══ EXERCISE INPUTS
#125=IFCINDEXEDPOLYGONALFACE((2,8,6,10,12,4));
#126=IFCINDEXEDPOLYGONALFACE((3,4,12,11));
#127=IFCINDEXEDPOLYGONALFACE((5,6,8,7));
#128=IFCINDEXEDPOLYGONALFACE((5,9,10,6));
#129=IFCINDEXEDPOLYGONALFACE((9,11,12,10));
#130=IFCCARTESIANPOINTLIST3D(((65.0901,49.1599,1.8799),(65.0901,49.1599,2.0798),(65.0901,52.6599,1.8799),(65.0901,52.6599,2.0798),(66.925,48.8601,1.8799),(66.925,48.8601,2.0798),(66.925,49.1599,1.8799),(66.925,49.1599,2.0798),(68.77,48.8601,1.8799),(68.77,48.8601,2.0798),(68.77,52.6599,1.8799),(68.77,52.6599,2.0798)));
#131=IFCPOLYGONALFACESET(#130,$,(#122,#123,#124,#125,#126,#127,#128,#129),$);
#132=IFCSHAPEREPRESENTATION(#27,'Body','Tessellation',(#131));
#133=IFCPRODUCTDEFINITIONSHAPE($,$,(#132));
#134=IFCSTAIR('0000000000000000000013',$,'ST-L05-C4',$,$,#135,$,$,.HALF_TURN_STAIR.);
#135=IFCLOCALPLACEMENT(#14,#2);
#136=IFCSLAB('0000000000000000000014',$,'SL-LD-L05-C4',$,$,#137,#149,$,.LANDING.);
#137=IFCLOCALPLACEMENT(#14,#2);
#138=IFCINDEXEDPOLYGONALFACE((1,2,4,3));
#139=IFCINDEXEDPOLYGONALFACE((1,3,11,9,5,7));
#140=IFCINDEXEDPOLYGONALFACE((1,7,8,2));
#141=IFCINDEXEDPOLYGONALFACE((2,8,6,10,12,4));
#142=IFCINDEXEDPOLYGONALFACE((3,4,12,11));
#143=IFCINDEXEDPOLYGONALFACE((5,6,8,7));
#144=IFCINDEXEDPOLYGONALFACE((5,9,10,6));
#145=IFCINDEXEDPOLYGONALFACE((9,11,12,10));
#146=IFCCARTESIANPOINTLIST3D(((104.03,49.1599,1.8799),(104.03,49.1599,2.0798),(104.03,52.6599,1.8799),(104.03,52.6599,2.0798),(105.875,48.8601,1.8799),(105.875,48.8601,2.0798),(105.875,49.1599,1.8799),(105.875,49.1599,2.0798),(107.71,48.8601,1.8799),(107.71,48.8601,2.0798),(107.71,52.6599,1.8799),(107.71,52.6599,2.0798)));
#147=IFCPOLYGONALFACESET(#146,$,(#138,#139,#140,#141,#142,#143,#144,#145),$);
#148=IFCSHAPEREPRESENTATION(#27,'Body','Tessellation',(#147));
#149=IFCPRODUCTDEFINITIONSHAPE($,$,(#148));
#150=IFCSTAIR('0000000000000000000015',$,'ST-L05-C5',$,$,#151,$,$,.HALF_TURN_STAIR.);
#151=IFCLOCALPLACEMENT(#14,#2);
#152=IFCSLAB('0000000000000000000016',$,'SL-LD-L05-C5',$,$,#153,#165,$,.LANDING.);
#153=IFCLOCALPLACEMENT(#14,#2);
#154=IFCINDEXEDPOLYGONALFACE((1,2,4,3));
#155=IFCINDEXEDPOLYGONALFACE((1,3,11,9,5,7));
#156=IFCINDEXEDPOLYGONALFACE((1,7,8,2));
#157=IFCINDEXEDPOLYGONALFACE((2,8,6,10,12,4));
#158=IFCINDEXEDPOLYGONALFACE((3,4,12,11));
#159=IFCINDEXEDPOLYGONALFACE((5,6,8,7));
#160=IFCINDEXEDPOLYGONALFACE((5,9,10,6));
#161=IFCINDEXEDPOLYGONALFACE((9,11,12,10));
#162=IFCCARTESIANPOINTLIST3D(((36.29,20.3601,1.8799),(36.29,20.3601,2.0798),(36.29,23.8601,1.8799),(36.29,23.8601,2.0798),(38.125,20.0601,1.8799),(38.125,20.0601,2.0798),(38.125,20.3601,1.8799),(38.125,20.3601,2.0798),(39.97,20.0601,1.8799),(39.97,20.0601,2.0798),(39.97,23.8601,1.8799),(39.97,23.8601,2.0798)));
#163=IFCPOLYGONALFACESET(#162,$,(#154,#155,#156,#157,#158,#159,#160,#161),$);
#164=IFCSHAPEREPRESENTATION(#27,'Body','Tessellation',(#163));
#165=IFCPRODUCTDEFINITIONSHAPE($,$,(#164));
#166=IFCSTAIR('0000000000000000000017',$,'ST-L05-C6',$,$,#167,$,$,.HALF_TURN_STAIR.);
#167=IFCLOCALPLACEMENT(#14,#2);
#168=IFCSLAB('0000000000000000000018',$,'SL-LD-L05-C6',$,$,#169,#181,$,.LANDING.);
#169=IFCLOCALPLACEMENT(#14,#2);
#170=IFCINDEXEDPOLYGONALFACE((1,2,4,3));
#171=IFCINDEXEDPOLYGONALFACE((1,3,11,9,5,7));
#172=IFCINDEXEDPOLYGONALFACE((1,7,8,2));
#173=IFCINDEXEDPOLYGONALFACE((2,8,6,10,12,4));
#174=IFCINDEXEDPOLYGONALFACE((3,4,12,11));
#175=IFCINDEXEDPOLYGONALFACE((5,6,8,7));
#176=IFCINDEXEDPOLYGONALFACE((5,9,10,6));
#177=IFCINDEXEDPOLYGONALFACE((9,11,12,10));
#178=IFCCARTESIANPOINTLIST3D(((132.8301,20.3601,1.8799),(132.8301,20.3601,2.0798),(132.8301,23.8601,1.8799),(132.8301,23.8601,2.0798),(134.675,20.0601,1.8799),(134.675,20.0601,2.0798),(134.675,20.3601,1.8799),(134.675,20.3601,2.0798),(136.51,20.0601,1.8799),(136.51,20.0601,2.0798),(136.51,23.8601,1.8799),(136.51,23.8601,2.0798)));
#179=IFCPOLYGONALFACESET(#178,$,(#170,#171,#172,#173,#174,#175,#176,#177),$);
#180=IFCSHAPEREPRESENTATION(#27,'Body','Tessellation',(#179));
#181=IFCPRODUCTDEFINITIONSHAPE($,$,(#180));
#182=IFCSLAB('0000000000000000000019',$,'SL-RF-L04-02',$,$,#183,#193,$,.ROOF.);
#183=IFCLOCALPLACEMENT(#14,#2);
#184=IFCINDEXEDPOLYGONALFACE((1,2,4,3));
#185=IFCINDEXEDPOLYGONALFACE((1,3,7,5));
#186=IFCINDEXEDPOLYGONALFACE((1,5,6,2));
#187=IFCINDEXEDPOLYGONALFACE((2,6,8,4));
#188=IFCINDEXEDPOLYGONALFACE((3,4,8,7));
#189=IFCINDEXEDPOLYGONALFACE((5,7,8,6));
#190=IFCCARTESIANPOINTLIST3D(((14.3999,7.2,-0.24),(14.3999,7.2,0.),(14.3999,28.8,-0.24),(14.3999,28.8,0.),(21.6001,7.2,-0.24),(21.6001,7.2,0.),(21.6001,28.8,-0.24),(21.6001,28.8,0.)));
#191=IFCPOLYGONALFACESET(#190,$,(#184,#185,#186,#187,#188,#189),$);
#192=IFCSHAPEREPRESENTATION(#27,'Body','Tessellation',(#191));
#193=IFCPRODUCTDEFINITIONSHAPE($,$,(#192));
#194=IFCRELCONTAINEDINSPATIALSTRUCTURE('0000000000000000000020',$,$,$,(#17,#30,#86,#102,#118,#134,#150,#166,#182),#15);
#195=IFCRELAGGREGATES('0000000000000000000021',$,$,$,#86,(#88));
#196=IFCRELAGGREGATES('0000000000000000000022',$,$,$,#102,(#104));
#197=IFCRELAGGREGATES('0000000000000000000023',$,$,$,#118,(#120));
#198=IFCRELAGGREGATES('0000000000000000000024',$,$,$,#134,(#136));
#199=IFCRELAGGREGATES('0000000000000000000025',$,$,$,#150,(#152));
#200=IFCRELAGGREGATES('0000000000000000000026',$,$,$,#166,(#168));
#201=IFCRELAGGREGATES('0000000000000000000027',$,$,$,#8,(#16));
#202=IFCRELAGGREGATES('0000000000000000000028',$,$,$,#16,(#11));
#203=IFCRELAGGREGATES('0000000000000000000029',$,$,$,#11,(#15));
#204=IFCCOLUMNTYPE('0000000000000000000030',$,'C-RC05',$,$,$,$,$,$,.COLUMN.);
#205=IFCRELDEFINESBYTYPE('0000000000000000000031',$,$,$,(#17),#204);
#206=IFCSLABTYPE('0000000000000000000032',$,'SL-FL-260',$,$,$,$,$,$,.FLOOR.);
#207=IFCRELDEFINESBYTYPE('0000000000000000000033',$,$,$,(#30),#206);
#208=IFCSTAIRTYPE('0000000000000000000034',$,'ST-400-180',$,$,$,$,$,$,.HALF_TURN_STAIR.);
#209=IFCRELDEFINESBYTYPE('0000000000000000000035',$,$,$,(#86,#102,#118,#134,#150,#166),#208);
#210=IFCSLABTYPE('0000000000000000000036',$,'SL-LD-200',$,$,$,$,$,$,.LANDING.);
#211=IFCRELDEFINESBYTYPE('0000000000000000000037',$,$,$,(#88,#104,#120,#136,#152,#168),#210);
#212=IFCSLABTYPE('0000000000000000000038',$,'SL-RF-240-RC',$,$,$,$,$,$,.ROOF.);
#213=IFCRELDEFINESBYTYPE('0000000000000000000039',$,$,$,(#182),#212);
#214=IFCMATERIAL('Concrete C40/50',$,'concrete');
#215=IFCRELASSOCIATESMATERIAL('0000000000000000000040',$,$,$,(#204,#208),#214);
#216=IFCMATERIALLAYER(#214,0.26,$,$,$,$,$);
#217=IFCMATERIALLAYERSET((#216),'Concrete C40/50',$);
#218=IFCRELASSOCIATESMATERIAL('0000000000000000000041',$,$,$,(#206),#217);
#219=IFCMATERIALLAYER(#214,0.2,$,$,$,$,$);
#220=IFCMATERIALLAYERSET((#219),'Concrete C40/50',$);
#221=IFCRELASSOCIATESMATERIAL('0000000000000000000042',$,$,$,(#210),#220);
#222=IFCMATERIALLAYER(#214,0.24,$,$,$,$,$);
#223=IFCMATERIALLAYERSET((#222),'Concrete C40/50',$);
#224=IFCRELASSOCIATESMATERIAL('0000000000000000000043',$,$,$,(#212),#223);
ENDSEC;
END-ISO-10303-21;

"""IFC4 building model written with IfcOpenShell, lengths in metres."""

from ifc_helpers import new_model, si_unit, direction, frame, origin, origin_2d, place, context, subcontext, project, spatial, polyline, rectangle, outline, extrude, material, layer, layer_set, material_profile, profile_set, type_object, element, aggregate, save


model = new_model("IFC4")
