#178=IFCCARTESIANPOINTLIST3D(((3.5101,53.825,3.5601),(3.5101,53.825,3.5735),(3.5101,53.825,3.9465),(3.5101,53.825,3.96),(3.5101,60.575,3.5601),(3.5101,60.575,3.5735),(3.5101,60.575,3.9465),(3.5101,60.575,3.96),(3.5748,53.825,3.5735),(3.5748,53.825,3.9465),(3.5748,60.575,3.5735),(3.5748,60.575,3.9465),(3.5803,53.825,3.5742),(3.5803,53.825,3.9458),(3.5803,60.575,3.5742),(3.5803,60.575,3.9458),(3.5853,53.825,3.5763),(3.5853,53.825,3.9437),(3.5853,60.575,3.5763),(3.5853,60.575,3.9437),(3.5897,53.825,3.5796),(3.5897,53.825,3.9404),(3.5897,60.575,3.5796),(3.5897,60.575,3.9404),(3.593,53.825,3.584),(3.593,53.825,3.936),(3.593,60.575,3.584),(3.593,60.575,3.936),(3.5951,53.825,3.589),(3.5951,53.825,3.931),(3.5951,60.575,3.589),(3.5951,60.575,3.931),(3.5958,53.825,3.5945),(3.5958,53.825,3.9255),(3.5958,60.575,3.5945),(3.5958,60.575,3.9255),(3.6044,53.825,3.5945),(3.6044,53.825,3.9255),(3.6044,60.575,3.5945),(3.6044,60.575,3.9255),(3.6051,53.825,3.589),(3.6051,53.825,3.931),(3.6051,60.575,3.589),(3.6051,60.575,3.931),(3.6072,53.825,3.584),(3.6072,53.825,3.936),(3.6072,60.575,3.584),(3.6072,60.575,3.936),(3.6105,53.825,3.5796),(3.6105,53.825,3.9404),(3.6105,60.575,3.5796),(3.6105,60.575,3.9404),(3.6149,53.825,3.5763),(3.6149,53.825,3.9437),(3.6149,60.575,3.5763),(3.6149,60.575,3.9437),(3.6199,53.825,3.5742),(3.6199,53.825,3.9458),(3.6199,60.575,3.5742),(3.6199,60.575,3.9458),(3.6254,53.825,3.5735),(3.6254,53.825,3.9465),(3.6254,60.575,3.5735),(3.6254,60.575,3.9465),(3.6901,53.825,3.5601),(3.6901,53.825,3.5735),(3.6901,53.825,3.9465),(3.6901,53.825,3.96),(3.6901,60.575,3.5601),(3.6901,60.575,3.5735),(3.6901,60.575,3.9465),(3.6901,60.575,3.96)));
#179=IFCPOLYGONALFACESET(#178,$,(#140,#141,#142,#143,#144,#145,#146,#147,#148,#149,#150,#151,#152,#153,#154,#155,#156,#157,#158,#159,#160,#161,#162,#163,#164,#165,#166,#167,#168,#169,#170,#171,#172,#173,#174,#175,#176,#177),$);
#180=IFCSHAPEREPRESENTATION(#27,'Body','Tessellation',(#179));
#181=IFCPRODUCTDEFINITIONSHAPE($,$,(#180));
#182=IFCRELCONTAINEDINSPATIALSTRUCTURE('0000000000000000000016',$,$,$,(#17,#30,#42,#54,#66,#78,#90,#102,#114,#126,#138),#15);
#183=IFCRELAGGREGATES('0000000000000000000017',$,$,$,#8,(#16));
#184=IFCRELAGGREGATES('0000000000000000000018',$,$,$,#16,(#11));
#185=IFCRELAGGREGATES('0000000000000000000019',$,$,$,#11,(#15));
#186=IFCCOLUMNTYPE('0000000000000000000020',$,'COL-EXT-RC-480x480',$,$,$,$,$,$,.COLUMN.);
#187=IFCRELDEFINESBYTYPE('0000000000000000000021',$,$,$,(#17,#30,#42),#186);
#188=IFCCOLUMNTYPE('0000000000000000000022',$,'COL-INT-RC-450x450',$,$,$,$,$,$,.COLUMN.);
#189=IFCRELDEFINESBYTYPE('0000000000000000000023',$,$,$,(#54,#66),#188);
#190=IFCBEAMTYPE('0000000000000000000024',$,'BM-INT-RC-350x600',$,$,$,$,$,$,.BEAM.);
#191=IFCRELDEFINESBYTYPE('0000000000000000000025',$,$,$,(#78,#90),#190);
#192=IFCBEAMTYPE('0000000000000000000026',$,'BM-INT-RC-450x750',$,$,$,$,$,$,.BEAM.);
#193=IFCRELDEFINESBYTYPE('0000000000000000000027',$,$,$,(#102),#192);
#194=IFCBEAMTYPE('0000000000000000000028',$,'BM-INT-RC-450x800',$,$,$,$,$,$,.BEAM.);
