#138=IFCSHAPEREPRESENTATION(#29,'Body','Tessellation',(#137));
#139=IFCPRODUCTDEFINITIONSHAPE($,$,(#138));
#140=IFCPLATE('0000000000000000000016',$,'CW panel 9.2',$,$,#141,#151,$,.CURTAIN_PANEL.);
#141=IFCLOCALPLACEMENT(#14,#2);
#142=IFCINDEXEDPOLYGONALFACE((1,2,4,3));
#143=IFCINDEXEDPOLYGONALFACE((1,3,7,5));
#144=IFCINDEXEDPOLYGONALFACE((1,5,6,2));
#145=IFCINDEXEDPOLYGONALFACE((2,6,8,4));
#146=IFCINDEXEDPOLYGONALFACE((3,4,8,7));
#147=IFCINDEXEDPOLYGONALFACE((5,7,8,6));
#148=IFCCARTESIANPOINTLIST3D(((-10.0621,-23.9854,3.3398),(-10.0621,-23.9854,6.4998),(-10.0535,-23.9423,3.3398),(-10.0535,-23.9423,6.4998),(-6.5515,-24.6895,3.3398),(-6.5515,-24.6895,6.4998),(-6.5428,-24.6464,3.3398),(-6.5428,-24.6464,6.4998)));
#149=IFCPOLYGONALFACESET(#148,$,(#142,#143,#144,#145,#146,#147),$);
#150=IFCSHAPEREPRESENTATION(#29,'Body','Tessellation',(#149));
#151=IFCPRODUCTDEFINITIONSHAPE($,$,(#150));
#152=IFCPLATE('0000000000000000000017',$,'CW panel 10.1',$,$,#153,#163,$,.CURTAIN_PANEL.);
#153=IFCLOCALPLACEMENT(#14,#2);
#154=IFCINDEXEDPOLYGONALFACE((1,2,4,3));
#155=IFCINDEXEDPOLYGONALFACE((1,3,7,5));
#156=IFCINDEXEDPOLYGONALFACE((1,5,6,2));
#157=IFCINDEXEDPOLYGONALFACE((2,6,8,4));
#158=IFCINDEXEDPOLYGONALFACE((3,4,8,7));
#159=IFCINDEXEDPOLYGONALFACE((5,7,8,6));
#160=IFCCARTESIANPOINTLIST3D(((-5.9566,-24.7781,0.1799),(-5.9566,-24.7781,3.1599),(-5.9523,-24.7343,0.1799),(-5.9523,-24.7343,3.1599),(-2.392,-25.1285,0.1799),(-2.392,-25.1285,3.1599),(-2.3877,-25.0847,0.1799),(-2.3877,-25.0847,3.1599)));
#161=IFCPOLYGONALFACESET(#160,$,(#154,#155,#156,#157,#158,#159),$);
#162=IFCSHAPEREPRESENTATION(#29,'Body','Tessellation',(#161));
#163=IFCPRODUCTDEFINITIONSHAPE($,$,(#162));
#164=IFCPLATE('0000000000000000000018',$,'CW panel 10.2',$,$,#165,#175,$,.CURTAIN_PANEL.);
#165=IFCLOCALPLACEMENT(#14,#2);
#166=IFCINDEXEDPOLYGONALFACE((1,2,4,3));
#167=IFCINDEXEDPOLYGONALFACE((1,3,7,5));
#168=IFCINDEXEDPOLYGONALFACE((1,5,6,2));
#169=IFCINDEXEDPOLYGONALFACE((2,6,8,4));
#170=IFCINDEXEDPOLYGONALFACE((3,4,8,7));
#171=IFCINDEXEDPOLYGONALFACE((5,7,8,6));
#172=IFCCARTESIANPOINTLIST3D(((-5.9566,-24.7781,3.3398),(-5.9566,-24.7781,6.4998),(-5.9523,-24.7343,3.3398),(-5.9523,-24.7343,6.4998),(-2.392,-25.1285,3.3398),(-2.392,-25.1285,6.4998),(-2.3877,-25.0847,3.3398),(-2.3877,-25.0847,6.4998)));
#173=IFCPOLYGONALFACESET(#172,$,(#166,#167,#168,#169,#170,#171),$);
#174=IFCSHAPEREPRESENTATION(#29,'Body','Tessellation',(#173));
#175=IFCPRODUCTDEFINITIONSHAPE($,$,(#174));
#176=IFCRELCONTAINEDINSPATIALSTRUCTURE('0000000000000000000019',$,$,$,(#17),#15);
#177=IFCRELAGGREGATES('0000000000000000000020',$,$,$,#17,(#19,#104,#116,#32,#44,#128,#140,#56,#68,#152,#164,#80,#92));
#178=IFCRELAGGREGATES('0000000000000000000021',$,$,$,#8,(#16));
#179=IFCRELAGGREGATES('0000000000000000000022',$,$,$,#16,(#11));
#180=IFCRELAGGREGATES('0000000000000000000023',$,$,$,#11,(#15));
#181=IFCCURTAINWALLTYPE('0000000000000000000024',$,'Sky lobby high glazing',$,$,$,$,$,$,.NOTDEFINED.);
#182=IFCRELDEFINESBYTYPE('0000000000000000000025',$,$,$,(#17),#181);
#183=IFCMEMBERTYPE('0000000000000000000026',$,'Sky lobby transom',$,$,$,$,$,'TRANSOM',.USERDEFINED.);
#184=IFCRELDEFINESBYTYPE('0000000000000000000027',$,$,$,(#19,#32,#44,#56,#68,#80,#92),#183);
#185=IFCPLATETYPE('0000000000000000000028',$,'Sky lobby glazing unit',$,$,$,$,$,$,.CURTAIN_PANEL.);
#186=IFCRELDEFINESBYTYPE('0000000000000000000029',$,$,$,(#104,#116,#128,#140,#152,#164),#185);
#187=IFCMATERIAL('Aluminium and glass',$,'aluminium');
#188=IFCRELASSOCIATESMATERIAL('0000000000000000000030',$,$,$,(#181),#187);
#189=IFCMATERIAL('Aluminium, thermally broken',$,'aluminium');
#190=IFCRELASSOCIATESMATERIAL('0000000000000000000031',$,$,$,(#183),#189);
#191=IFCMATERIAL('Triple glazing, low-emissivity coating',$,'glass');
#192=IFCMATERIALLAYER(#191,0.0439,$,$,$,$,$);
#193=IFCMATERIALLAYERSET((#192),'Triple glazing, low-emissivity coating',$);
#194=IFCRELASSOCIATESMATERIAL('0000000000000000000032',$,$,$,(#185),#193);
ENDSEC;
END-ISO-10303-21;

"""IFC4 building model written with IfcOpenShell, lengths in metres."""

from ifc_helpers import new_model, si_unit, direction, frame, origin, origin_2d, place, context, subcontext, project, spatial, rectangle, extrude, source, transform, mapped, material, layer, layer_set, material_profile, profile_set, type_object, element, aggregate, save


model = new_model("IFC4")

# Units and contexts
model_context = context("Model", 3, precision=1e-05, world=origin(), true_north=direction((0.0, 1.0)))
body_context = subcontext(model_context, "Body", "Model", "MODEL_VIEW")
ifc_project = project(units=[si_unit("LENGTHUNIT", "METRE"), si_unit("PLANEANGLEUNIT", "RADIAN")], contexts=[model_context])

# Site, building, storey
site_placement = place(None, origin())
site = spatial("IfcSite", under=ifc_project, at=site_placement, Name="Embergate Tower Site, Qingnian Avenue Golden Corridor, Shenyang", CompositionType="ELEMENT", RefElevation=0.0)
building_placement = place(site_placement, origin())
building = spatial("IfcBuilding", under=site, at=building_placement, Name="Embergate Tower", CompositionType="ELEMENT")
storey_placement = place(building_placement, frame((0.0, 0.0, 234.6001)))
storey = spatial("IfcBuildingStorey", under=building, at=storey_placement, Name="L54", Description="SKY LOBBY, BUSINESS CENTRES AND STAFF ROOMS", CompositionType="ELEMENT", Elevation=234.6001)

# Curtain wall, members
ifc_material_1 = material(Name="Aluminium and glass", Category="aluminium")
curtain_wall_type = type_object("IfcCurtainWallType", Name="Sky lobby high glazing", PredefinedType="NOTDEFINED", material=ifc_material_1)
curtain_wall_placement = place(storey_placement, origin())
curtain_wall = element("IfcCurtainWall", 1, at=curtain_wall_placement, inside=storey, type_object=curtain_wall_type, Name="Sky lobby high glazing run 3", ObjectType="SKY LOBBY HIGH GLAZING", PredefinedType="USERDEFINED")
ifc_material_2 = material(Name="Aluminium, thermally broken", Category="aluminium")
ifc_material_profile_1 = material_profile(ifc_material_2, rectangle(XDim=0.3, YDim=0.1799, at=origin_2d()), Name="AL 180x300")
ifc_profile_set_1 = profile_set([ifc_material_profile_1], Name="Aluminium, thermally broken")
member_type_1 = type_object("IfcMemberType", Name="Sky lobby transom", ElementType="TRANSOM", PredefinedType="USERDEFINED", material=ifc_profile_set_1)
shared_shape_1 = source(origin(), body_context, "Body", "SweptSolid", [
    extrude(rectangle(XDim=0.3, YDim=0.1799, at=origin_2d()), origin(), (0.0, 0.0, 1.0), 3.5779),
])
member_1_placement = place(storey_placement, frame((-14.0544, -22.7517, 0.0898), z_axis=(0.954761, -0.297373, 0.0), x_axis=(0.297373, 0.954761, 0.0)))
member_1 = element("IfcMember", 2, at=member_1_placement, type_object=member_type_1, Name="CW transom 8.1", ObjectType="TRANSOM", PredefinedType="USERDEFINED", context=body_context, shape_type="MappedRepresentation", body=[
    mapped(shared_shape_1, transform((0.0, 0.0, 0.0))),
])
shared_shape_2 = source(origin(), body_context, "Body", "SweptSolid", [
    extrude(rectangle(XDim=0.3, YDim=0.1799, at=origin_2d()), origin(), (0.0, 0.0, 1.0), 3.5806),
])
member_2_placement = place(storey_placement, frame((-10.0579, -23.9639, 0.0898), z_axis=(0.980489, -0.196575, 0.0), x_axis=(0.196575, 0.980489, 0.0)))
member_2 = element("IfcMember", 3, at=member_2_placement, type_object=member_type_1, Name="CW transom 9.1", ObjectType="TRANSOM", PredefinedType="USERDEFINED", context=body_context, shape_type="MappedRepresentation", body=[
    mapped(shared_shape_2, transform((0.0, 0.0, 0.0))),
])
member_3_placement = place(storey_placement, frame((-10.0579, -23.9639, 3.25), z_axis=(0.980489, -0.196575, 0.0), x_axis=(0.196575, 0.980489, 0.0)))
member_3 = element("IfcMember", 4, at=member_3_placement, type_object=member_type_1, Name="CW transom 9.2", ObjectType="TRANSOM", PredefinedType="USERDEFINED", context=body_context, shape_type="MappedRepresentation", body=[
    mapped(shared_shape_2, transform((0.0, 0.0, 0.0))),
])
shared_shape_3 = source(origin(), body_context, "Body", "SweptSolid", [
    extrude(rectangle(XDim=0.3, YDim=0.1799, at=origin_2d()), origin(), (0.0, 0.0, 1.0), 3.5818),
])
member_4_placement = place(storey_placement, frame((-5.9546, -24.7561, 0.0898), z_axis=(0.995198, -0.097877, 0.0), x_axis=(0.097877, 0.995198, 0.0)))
════
» **GOAL OF THE EXERCISE**:
Read through the entries and count the lines where "Category" appears; respond with the number only.

» **RESPONSE BELOW**:
2